# [Problem]
Copy precisely the first line of the material below and every later line, stopping with the line that contains "#221=IFCMATERIALLAYER(#220,0.03,$,$,$,$,$);".

*** Excerpted data ***

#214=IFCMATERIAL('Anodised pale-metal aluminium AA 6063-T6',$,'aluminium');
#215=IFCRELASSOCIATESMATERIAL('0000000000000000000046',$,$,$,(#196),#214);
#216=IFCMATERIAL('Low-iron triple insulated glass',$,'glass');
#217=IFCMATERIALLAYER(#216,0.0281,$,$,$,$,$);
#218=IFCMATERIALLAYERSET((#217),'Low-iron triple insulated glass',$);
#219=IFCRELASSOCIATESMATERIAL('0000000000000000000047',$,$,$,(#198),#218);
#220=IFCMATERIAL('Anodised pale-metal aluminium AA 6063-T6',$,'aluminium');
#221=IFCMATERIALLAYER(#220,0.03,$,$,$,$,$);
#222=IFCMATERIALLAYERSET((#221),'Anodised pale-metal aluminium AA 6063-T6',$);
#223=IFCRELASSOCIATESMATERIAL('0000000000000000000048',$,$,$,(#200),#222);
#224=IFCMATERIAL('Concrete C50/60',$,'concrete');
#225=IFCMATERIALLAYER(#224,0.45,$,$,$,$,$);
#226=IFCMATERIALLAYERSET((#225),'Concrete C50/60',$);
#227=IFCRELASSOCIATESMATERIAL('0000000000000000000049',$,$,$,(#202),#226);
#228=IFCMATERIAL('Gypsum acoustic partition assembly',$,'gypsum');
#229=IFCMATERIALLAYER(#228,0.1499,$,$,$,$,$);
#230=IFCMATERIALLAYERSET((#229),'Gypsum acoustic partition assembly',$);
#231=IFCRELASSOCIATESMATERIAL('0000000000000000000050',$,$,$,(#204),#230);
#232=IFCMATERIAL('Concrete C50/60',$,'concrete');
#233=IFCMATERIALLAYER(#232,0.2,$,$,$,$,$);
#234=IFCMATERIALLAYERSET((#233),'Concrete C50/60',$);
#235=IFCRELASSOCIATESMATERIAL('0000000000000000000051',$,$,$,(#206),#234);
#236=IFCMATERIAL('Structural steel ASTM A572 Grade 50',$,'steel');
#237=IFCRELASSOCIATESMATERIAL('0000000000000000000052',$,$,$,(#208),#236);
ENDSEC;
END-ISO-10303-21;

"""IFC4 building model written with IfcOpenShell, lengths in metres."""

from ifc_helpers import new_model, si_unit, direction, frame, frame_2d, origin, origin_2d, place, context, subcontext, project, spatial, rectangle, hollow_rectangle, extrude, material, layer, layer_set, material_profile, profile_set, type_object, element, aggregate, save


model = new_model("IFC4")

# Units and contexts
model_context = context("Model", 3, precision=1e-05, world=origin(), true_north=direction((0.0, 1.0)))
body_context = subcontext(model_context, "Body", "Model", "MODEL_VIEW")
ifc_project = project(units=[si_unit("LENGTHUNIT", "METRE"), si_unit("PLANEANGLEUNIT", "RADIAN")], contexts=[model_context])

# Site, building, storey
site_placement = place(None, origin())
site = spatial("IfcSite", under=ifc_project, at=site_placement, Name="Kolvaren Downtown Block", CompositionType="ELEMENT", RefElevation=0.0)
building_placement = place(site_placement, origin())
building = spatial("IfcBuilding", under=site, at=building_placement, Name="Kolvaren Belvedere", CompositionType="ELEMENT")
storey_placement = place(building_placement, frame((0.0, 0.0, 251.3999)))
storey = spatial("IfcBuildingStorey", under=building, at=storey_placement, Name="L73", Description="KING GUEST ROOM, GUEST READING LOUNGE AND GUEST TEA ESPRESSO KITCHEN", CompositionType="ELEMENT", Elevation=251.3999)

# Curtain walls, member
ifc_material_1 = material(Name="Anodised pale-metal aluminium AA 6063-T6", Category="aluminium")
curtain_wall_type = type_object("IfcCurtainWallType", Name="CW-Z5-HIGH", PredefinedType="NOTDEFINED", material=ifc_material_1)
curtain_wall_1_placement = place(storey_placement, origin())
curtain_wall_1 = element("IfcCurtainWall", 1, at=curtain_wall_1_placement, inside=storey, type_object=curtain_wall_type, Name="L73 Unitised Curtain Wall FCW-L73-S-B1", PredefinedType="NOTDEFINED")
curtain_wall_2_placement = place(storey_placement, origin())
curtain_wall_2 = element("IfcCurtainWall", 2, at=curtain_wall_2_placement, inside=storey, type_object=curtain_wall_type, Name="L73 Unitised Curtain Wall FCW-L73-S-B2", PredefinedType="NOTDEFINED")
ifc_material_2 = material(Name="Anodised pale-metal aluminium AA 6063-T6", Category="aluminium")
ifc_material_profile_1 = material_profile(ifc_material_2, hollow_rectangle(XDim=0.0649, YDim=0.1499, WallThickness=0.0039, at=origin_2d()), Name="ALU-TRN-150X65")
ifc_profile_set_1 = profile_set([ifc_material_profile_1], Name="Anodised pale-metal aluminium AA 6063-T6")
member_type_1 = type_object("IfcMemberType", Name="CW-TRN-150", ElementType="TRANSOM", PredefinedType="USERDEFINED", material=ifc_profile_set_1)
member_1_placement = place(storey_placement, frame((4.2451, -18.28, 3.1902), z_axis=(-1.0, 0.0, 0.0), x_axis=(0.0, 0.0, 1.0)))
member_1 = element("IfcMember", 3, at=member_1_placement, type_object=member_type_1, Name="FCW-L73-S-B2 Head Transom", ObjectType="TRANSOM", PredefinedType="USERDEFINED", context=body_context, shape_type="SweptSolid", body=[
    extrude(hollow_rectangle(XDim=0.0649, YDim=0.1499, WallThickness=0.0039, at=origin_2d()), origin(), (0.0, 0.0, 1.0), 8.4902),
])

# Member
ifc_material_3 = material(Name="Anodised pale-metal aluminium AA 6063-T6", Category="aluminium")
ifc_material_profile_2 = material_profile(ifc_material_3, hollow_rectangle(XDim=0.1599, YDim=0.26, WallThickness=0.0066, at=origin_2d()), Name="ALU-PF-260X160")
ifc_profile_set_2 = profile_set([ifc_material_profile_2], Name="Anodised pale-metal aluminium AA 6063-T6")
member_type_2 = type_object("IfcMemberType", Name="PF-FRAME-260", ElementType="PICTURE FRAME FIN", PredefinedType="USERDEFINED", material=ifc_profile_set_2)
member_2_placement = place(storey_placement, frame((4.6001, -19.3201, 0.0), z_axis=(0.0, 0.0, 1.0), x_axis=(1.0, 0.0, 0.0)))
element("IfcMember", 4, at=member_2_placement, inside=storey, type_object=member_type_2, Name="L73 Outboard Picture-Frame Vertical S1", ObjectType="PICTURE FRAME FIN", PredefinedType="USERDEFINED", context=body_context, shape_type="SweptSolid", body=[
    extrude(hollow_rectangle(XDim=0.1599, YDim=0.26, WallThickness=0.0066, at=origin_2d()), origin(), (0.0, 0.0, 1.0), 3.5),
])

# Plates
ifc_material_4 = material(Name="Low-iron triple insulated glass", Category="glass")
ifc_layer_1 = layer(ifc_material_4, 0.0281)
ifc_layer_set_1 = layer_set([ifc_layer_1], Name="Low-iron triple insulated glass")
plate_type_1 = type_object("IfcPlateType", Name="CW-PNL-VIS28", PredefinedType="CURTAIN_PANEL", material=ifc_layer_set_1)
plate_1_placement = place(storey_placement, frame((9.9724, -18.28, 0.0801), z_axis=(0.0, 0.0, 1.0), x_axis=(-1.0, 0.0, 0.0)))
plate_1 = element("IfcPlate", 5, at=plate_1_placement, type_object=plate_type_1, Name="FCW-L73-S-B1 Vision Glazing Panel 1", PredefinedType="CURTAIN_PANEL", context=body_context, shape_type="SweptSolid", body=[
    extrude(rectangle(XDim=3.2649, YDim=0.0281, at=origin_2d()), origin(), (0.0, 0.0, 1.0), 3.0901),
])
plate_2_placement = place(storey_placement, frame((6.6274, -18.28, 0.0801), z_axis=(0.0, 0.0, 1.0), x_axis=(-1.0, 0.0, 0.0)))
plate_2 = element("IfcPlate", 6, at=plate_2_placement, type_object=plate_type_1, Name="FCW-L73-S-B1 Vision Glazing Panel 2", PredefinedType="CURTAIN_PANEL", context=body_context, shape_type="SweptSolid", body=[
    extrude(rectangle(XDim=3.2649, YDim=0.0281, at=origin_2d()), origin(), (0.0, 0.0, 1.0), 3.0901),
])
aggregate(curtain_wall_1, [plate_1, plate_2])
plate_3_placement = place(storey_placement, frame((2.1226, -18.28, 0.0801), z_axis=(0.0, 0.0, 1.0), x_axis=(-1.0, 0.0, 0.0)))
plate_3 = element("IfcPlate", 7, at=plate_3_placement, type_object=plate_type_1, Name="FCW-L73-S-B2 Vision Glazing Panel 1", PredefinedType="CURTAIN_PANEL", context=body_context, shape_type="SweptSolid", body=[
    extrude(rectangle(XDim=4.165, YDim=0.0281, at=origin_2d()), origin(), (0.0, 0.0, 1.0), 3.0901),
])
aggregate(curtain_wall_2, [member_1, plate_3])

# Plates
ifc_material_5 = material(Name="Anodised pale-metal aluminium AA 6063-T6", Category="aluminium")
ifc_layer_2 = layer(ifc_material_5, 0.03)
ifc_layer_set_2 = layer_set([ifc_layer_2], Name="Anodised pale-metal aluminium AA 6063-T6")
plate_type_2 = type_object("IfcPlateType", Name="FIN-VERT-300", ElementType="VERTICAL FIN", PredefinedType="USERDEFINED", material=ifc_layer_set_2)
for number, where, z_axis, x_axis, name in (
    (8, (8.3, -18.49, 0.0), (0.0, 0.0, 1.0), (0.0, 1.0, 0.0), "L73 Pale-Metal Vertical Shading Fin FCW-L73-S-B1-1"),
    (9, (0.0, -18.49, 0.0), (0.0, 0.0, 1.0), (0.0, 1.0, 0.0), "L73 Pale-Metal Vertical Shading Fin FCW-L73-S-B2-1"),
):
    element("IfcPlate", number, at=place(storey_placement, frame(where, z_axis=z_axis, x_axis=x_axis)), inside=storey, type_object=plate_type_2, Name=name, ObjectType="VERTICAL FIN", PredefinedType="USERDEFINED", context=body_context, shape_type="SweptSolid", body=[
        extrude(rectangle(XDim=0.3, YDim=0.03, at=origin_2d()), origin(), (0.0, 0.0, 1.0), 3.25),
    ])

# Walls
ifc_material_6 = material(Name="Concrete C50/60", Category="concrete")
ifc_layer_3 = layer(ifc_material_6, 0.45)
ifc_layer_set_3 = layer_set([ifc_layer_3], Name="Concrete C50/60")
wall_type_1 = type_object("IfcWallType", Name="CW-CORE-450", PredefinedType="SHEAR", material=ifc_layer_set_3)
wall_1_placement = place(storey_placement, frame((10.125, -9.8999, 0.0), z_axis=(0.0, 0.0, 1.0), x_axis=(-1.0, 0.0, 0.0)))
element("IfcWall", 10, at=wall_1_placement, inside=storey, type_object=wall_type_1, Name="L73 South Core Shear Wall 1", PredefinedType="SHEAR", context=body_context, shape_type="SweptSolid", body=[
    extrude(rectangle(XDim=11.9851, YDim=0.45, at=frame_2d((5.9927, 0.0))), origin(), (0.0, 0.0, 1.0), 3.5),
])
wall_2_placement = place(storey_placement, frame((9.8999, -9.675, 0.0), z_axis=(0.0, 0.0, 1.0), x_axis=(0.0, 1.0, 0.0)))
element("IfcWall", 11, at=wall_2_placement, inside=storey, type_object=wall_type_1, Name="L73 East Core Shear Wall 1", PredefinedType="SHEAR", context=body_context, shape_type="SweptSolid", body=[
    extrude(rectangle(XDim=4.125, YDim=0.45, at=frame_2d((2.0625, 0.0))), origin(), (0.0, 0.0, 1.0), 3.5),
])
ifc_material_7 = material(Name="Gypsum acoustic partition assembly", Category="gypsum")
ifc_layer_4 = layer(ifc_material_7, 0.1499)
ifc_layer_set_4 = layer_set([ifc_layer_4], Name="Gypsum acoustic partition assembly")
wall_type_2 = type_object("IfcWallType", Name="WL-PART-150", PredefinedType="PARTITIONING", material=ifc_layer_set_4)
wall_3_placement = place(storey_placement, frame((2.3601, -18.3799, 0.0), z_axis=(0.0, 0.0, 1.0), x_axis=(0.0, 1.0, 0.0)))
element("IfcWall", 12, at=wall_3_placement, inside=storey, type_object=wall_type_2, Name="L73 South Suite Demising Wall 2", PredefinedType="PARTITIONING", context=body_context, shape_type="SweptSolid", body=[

*** End of Excerpted data ***

# [Reply to the exercise]
#214=IFCMATERIAL('Anodised pale-metal aluminium AA 6063-T6',$,'aluminium');
#215=IFCRELASSOCIATESMATERIAL('0000000000000000000046',$,$,$,(#196),#214);
#216=IFCMATERIAL('Low-iron triple insulated glass',$,'glass');
#217=IFCMATERIALLAYER(#216,0.0281,$,$,$,$,$);
#218=IFCMATERIALLAYERSET((#217),'Low-iron triple insulated glass',$);
#219=IFCRELASSOCIATESMATERIAL('0000000000000000000047',$,$,$,(#198),#218);
#220=IFCMATERIAL('Anodised pale-metal aluminium AA 6063-T6',$,'aluminium');
#221=IFCMATERIALLAYER(#220,0.03,$,$,$,$,$);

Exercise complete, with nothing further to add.